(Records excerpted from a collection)
*** Begin section ***
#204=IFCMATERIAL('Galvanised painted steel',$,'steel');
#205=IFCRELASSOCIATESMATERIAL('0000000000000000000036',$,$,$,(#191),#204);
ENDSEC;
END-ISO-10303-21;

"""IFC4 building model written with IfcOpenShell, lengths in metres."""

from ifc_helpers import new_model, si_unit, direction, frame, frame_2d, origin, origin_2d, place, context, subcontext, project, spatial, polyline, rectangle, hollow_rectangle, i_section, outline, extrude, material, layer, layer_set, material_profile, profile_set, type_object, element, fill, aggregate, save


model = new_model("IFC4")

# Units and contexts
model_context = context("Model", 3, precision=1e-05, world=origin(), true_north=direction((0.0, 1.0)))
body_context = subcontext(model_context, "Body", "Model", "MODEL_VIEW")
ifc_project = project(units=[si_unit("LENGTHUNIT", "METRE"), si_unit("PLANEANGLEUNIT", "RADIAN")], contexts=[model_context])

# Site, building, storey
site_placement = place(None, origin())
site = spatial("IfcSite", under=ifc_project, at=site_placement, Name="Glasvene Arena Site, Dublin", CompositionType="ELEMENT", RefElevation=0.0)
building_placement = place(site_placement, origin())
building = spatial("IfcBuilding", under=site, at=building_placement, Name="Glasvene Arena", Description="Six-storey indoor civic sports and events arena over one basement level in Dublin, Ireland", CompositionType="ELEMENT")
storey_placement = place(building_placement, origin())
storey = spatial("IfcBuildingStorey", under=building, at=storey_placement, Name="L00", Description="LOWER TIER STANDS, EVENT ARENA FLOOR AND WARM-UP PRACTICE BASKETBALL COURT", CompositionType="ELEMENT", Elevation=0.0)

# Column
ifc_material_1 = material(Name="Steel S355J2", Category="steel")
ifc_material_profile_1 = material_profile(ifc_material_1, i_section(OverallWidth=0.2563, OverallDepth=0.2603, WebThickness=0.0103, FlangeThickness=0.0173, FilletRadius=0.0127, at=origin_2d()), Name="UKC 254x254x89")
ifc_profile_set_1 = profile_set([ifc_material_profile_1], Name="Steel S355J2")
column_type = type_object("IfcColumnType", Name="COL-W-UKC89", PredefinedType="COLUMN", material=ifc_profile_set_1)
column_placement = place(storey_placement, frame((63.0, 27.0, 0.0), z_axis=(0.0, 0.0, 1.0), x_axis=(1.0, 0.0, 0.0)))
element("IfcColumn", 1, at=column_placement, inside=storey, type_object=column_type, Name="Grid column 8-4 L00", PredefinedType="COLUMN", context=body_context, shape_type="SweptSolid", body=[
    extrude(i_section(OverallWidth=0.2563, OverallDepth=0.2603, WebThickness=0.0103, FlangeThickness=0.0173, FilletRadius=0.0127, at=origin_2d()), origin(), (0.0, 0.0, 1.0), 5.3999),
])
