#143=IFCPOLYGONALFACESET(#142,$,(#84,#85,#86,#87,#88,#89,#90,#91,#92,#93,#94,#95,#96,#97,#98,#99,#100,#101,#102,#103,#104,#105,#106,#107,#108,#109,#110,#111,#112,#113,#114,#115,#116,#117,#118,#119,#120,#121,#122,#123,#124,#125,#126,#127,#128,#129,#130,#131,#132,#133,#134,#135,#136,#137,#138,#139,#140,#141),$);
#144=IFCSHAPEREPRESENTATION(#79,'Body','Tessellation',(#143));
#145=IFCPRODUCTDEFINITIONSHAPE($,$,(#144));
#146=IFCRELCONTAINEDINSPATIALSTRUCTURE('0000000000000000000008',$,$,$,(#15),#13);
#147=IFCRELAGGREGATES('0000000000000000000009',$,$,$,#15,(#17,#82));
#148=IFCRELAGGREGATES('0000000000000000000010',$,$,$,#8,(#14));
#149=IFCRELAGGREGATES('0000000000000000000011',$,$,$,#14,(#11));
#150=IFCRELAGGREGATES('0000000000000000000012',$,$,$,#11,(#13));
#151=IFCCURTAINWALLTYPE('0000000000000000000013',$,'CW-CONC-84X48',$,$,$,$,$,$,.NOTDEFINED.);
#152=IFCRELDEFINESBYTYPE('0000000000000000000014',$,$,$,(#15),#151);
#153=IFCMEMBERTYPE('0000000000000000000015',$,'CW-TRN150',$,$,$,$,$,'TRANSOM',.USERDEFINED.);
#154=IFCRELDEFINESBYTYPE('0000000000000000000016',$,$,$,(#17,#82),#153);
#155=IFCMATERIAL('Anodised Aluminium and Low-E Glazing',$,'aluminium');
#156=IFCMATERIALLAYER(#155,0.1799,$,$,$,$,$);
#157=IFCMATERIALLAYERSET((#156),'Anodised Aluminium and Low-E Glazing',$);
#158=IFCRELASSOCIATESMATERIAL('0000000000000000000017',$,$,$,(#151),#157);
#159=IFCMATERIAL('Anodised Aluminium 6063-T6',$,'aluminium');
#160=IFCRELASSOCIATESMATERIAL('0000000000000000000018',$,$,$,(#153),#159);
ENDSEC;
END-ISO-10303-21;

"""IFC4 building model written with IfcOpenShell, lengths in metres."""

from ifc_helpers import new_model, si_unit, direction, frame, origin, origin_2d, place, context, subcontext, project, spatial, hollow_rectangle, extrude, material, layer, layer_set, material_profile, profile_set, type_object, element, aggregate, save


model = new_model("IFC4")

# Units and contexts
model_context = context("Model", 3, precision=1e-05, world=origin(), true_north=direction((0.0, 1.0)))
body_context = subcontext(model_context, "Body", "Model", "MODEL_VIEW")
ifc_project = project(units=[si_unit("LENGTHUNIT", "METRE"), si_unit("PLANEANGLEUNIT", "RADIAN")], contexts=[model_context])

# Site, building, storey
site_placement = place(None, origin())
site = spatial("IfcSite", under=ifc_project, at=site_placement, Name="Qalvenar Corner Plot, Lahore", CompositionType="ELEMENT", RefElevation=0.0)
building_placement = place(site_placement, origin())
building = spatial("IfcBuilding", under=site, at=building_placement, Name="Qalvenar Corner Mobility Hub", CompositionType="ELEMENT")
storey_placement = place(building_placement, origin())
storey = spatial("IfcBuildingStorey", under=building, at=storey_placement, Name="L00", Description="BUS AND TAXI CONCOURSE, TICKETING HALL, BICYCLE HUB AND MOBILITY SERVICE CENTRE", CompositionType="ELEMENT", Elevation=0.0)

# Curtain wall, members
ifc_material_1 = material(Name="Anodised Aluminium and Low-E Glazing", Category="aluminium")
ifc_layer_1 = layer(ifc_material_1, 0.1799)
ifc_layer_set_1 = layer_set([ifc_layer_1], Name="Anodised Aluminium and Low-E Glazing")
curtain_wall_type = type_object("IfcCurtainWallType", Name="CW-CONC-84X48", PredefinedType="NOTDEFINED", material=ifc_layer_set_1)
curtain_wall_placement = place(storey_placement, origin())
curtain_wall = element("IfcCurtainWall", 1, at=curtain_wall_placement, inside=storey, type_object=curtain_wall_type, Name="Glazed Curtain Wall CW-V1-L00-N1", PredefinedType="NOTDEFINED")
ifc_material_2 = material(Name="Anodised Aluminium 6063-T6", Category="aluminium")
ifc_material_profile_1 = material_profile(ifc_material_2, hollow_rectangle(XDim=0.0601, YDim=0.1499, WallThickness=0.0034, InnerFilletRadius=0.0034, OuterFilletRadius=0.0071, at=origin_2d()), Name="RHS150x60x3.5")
*** End section ***
* Problem details *
Throughout the data above, count the lines in which the word "Dublin" occurs; supply the number alone.

* Completed exercise *
2